-- What the task asks --
Scan the records below for the word "contexts". Copy each line where it appears.

[Start of Attachment]

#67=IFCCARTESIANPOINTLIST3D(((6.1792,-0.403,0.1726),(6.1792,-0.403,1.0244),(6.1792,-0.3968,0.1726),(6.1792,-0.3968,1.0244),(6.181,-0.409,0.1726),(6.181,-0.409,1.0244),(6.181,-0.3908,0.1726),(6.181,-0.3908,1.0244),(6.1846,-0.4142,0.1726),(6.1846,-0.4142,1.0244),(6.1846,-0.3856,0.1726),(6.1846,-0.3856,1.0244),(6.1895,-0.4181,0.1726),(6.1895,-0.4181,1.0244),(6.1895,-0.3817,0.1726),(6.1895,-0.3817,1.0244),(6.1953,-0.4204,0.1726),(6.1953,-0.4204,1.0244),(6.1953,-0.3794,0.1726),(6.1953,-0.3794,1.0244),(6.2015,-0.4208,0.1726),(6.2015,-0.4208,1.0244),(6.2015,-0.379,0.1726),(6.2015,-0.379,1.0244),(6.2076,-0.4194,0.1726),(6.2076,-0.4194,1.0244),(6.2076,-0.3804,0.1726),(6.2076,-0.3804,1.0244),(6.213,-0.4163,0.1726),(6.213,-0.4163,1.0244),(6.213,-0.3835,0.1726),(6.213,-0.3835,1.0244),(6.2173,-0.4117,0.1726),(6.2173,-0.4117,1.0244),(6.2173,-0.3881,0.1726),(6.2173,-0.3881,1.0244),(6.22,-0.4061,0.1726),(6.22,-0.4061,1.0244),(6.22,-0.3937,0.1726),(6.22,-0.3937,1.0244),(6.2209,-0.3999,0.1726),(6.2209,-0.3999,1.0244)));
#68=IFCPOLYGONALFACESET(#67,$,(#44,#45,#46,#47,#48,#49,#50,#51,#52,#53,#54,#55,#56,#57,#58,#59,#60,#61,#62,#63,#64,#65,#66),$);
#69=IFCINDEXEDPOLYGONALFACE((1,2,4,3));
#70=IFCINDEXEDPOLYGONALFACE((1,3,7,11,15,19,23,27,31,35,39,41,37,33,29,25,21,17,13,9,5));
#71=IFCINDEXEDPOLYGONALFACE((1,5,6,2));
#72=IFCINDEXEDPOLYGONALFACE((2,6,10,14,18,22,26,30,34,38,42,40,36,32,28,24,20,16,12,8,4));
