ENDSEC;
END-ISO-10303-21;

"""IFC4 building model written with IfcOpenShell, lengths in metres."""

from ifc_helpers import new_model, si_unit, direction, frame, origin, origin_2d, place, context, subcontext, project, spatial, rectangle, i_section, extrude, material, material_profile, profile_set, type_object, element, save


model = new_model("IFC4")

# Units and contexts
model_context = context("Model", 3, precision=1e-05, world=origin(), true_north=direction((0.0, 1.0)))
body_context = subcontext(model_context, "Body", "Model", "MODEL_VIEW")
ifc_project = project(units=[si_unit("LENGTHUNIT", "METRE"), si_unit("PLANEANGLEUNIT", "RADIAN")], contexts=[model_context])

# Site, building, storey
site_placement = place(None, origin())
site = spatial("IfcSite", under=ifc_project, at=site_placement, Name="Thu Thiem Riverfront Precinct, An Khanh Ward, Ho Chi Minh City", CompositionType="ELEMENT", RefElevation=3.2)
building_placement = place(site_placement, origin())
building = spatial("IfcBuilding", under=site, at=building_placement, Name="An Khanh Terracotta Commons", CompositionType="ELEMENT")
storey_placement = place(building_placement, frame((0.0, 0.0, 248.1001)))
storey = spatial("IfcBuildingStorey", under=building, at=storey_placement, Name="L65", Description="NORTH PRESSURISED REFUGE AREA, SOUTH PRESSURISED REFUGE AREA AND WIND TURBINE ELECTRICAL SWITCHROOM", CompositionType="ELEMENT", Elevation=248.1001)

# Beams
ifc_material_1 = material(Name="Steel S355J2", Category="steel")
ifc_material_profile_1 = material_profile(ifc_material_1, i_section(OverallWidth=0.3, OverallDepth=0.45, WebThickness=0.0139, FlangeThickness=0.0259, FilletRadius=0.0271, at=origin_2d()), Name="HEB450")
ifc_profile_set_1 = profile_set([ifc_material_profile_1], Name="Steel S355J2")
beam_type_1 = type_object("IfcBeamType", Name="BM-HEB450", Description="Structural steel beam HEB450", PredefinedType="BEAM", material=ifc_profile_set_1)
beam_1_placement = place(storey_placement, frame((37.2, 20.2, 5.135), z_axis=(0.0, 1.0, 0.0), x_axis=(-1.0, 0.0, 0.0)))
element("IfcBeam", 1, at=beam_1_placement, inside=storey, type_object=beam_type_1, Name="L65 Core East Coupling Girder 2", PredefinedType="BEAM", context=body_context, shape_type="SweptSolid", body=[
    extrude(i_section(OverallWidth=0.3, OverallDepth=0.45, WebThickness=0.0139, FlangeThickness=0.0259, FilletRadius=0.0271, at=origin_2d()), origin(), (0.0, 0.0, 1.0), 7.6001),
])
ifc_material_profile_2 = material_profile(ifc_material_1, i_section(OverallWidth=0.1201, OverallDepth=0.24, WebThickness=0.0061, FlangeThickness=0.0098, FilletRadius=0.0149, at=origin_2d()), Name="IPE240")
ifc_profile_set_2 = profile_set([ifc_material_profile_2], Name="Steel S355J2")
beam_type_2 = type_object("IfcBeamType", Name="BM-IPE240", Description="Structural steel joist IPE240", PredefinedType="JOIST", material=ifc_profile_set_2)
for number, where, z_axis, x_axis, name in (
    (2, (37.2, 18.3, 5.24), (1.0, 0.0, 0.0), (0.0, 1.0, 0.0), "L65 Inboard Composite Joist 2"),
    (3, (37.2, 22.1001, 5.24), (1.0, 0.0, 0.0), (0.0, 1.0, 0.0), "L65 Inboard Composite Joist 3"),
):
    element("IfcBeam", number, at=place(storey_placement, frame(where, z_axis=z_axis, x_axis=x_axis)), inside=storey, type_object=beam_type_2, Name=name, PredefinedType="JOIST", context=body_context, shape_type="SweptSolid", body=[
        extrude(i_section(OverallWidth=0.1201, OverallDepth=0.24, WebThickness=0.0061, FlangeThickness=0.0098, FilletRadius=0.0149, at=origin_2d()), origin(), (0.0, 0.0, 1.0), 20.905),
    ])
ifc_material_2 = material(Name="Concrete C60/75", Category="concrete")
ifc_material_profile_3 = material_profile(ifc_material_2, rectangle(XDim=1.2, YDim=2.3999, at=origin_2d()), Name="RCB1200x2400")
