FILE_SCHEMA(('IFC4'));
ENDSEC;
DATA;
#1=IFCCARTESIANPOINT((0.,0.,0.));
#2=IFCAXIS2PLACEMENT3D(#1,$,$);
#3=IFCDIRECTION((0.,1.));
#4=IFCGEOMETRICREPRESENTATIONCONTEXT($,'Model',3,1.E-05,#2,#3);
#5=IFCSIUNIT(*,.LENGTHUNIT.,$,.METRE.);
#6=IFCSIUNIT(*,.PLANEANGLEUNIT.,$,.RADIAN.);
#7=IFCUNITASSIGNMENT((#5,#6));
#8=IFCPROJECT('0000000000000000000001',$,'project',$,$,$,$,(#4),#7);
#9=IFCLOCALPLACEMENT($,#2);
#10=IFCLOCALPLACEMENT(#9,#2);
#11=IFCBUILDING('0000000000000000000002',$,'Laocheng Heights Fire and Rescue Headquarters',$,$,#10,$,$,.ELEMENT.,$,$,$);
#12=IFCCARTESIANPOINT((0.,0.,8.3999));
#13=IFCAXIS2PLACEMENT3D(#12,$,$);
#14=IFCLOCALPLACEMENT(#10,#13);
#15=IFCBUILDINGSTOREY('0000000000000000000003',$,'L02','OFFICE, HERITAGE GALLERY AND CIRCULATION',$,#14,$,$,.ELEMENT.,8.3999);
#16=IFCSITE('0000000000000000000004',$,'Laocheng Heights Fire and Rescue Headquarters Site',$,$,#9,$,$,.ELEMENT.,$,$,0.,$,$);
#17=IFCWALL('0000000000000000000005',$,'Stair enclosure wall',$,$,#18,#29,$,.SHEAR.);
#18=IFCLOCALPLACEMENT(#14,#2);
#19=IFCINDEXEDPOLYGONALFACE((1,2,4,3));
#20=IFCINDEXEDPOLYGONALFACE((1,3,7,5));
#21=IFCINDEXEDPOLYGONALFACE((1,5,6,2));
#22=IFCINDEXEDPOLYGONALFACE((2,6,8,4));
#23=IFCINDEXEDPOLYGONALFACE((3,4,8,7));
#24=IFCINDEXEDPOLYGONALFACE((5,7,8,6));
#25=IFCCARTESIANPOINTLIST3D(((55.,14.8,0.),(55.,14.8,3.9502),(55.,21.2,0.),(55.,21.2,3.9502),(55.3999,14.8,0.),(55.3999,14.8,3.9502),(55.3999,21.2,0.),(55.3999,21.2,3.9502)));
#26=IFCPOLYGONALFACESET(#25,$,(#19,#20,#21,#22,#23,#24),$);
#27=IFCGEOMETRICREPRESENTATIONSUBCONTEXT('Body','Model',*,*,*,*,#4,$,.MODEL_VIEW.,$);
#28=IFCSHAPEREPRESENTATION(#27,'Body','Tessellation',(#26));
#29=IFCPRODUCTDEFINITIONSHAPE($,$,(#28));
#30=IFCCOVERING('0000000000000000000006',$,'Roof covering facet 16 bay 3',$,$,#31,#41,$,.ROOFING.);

[End of Attachment]

-- Exercise output --
# Units and contexts
ifc_project = project(units=[si_unit("LENGTHUNIT", "METRE"), si_unit("PLANEANGLEUNIT", "RADIAN")], contexts=[model_context])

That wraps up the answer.